[Prompt]: The entries below contain a stretch that opens with the line containing "#120=IFCINDEXEDPOLYGONALFACE((10,12,48,46));" and closes with the line containing "#134=IFCINDEXEDPOLYGONALFACE((24,26,62,60));"; set down that stretch exactly, both ends included, and nothing else.

[Source data]:

━━━━━━━━

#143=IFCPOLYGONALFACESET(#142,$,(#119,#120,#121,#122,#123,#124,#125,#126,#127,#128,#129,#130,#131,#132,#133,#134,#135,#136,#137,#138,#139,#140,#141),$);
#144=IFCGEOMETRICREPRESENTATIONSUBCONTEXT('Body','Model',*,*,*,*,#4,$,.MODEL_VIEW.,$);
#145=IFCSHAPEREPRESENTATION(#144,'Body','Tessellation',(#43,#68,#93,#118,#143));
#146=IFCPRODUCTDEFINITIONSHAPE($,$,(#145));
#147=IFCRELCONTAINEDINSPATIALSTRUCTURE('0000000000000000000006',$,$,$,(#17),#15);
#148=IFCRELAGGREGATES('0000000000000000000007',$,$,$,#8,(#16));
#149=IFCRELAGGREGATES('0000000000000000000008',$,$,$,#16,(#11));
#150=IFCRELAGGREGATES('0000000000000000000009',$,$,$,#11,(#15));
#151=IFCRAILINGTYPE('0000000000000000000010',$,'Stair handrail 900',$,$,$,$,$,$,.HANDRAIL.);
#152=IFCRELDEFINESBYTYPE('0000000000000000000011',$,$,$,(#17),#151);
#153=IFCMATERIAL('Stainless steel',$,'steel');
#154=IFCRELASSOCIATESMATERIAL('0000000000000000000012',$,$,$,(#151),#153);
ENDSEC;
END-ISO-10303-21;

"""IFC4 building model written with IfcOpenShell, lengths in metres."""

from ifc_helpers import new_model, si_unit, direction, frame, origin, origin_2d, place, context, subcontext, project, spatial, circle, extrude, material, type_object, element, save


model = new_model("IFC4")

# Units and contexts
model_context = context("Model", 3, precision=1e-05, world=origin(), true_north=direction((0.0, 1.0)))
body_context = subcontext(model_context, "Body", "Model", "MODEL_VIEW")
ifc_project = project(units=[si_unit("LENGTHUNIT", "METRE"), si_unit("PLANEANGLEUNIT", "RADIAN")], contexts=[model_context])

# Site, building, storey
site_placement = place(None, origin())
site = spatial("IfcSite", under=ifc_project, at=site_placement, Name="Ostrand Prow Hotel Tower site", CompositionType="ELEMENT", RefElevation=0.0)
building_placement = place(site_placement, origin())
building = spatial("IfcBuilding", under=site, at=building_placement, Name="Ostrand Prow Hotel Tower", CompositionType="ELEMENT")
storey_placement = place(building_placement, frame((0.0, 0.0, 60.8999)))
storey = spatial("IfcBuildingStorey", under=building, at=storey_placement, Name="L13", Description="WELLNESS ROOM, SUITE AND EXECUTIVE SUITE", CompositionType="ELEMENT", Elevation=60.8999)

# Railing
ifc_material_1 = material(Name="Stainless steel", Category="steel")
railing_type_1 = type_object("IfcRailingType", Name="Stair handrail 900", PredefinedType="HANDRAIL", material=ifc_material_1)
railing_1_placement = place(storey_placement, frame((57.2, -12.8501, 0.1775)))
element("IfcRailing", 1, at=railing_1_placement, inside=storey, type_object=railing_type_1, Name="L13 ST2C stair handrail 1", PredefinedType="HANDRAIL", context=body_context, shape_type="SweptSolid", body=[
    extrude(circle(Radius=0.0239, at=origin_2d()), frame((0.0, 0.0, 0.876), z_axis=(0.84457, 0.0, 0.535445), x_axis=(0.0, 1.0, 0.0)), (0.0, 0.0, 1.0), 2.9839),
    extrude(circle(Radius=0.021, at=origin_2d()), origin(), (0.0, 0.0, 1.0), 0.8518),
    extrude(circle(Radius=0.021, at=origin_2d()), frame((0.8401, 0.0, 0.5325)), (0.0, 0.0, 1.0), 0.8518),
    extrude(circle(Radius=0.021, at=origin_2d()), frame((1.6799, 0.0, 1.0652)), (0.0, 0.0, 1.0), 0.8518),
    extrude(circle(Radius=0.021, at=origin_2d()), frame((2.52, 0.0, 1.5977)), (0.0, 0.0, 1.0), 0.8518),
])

━━━━━━━━

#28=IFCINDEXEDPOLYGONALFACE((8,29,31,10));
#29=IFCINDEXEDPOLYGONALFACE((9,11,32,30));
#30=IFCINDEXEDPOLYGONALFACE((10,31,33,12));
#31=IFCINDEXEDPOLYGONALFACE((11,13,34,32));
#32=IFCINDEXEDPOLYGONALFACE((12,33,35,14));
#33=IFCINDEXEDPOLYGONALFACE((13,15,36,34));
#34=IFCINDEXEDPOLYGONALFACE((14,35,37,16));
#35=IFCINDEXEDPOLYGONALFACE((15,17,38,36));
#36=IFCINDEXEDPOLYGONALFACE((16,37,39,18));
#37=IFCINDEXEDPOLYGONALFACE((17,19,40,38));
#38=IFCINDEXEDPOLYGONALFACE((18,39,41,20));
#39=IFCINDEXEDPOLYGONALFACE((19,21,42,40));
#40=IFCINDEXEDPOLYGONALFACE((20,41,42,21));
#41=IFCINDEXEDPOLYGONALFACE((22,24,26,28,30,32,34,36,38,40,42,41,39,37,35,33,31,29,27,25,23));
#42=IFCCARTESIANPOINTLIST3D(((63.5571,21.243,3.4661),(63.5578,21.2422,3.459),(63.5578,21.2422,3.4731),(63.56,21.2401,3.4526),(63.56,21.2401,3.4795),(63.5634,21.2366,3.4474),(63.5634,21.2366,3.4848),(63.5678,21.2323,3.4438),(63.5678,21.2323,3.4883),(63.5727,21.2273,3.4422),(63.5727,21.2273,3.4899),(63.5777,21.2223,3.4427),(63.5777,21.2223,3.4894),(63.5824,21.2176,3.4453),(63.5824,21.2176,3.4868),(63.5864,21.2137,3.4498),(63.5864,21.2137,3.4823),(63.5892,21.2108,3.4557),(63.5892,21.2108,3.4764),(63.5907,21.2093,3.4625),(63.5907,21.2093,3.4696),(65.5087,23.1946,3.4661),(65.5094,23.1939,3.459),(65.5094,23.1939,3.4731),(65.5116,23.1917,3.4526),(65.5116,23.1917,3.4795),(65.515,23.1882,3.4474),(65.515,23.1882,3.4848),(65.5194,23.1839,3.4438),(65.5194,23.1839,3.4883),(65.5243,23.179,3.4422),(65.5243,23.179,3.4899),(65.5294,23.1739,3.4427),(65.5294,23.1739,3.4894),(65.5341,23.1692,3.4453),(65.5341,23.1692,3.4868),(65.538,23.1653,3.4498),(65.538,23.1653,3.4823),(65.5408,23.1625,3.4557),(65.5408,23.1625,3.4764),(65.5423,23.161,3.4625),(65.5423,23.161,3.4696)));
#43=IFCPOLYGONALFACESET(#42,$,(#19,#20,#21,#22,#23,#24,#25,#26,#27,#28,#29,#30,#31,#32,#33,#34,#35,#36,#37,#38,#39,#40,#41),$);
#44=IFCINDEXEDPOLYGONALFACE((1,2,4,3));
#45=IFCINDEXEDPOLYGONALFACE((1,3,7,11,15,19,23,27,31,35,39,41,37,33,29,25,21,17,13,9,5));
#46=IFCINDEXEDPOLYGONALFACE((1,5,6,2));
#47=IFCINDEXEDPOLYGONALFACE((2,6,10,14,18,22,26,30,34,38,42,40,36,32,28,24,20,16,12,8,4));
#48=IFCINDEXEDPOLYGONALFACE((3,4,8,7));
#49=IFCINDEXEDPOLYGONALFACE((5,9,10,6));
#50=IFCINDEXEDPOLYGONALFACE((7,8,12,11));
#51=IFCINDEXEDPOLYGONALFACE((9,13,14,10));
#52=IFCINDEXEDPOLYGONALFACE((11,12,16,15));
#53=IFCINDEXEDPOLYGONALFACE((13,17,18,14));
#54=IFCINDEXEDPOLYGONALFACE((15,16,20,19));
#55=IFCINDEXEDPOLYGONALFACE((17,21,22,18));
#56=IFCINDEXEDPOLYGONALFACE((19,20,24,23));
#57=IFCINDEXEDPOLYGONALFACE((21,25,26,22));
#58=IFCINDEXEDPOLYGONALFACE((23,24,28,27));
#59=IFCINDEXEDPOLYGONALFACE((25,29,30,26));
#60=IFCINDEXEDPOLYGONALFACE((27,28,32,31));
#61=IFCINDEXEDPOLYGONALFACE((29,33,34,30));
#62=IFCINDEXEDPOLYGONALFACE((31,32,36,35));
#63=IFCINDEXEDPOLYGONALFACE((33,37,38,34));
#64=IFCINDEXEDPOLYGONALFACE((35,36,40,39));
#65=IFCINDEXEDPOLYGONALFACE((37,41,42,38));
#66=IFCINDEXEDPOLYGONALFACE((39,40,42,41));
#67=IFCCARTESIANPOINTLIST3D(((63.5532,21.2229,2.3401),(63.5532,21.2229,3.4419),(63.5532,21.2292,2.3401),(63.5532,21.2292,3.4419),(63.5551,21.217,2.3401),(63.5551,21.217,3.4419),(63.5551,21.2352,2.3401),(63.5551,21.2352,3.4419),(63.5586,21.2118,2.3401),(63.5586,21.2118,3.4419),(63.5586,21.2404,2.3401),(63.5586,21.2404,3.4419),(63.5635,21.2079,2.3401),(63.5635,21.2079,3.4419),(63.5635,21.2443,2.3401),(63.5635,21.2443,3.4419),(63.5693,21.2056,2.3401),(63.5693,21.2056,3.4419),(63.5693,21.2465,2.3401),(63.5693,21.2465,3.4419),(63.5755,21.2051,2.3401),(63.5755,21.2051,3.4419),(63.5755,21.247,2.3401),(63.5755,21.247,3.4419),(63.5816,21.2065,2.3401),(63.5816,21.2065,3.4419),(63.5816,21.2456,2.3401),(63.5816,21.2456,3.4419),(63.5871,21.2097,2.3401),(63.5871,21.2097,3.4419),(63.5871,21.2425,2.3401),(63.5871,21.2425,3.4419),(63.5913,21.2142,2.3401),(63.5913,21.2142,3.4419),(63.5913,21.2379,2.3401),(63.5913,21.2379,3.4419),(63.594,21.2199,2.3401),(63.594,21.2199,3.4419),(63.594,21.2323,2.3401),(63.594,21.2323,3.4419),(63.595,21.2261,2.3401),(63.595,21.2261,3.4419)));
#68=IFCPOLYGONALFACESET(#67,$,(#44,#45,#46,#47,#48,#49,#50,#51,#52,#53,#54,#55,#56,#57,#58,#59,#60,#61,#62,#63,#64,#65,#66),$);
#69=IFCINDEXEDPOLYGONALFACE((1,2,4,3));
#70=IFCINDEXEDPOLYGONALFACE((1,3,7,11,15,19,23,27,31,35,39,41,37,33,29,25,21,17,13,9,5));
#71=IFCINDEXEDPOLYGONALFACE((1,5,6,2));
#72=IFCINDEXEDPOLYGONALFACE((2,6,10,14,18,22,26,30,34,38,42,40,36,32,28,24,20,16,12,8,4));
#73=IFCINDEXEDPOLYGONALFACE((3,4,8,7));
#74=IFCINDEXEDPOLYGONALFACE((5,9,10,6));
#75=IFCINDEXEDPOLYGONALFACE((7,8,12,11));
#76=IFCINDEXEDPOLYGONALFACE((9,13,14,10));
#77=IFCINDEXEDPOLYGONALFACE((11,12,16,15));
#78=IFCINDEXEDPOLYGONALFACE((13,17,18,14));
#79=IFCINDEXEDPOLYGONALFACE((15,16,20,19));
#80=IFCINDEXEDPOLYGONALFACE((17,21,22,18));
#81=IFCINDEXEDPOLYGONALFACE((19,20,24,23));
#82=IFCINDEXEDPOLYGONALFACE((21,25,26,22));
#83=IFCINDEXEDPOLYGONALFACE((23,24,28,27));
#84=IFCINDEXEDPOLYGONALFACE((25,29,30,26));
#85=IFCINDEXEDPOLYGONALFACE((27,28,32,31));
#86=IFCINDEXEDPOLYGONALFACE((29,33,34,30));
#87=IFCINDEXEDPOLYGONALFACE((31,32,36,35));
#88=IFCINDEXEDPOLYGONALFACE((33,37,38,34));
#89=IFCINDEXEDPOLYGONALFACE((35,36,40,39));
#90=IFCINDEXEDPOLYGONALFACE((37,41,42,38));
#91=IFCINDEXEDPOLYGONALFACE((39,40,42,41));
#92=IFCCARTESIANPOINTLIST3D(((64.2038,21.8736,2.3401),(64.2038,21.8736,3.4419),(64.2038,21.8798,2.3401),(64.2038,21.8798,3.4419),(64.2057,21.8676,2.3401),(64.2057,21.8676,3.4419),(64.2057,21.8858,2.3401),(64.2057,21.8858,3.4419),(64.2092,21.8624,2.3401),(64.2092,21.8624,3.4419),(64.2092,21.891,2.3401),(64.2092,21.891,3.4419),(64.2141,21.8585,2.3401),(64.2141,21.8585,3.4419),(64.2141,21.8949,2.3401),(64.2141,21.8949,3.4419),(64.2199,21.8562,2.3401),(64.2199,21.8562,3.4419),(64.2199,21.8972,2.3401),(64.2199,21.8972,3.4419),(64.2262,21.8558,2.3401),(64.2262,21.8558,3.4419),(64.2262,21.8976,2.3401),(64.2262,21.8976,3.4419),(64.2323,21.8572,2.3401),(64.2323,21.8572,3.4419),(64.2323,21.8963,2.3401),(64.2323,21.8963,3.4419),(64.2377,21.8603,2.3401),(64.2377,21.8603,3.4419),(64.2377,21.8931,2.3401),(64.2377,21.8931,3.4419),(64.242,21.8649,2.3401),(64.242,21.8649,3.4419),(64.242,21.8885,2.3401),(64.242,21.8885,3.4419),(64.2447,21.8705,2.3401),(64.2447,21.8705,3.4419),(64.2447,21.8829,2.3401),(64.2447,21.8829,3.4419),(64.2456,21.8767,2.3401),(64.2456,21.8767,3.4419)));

━━━━━━━━

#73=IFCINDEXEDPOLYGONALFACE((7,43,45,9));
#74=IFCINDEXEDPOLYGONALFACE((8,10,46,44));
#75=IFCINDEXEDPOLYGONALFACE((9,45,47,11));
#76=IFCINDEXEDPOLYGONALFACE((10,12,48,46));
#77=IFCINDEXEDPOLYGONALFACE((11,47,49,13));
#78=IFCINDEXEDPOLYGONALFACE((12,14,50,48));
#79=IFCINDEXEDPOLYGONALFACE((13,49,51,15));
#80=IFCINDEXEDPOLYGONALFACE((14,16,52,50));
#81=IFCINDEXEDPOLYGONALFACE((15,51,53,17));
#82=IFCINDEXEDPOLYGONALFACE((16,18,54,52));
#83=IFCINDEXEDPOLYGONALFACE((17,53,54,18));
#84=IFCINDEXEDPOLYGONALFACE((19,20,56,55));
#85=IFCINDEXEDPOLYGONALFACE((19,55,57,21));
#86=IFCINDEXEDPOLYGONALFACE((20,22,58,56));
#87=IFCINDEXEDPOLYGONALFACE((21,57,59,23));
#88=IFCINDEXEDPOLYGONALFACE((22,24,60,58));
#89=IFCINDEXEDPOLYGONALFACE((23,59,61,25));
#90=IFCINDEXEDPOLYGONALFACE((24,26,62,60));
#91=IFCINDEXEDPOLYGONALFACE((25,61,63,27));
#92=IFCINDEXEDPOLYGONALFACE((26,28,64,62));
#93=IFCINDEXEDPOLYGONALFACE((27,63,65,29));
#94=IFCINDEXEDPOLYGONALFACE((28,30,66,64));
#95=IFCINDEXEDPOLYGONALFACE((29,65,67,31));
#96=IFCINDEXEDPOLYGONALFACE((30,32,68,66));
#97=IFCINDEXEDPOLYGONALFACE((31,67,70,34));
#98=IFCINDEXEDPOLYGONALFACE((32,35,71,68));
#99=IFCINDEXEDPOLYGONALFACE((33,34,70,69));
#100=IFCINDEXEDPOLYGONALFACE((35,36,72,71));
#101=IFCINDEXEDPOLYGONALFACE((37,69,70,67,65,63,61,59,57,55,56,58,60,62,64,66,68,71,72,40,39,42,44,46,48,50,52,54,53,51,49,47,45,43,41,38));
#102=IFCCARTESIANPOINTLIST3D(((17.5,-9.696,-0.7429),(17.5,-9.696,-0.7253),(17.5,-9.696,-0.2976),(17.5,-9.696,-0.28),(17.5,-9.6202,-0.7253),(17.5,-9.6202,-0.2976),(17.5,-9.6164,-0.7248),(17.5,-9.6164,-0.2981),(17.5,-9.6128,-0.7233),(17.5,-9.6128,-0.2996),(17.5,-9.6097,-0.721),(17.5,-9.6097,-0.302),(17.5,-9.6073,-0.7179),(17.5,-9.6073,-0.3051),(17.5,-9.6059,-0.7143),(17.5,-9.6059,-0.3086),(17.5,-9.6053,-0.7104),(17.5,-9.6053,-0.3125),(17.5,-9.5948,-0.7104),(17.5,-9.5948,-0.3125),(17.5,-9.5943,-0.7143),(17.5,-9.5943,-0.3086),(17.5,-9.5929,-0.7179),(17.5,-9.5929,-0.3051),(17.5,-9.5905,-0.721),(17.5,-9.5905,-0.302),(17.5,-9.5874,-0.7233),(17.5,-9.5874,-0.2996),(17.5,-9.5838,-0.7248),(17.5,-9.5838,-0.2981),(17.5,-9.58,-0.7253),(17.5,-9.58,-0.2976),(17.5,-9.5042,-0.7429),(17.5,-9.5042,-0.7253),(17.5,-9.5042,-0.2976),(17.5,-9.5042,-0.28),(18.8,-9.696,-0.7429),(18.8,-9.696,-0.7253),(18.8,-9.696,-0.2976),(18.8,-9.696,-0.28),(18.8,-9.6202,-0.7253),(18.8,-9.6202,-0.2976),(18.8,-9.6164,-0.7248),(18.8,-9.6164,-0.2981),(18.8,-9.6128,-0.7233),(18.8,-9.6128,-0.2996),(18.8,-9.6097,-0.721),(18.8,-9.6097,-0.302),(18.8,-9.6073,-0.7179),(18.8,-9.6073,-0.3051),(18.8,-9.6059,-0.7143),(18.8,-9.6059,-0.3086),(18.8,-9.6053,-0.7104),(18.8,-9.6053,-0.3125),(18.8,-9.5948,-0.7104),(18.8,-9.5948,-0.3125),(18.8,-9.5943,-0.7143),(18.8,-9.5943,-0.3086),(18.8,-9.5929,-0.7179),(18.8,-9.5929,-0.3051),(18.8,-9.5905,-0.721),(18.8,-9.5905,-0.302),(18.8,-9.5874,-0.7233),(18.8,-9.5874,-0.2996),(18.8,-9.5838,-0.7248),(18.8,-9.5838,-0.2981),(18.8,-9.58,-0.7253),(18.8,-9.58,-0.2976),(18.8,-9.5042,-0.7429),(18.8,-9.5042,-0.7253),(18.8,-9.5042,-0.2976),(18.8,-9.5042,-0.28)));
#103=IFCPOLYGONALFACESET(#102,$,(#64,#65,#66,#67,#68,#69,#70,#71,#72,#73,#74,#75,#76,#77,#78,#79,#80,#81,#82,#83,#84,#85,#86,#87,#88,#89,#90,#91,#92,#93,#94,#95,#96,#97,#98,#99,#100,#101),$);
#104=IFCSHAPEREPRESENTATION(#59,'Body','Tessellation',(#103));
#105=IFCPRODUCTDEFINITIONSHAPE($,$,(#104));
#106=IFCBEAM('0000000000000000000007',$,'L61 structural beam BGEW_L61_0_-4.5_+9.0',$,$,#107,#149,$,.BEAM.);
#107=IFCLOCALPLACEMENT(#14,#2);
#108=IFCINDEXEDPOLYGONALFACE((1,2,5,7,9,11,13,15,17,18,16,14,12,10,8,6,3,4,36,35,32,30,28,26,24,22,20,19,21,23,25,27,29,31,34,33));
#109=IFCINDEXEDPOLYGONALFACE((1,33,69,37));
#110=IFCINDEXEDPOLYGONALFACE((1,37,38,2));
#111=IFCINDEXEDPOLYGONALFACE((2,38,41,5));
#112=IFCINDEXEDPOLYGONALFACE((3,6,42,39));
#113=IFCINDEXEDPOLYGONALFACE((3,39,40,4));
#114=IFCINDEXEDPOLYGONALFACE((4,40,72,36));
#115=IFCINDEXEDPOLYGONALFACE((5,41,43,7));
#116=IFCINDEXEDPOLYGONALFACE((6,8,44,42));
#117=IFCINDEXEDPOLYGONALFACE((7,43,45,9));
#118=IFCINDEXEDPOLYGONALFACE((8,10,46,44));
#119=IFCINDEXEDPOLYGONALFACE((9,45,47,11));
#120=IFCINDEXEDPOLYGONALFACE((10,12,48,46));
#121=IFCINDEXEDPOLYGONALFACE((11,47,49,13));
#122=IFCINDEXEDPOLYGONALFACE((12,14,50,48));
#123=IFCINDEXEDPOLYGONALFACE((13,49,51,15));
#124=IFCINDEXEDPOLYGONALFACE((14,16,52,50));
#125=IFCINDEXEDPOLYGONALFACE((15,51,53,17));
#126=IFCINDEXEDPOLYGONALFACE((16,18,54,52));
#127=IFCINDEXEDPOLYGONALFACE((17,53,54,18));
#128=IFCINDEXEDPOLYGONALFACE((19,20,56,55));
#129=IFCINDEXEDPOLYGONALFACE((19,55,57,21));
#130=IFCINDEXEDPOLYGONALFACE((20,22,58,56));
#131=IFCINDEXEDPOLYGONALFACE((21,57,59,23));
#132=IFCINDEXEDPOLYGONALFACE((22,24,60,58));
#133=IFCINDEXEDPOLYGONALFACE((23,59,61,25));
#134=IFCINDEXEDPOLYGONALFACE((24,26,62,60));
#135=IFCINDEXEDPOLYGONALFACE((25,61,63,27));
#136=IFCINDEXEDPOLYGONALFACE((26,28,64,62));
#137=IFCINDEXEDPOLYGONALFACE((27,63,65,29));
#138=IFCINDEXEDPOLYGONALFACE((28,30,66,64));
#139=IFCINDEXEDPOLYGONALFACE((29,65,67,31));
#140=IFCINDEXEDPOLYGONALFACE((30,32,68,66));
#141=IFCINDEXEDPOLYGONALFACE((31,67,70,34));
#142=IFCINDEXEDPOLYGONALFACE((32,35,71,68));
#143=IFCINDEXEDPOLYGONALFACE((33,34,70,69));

━━━━━━━━

[Finished task]:
#120=IFCINDEXEDPOLYGONALFACE((10,12,48,46));
#121=IFCINDEXEDPOLYGONALFACE((11,47,49,13));
#122=IFCINDEXEDPOLYGONALFACE((12,14,50,48));
#123=IFCINDEXEDPOLYGONALFACE((13,49,51,15));
#124=IFCINDEXEDPOLYGONALFACE((14,16,52,50));
#125=IFCINDEXEDPOLYGONALFACE((15,51,53,17));
#126=IFCINDEXEDPOLYGONALFACE((16,18,54,52));
#127=IFCINDEXEDPOLYGONALFACE((17,53,54,18));
#128=IFCINDEXEDPOLYGONALFACE((19,20,56,55));
#129=IFCINDEXEDPOLYGONALFACE((19,55,57,21));
#130=IFCINDEXEDPOLYGONALFACE((20,22,58,56));
#131=IFCINDEXEDPOLYGONALFACE((21,57,59,23));
#132=IFCINDEXEDPOLYGONALFACE((22,24,60,58));
#133=IFCINDEXEDPOLYGONALFACE((23,59,61,25));
#134=IFCINDEXEDPOLYGONALFACE((24,26,62,60));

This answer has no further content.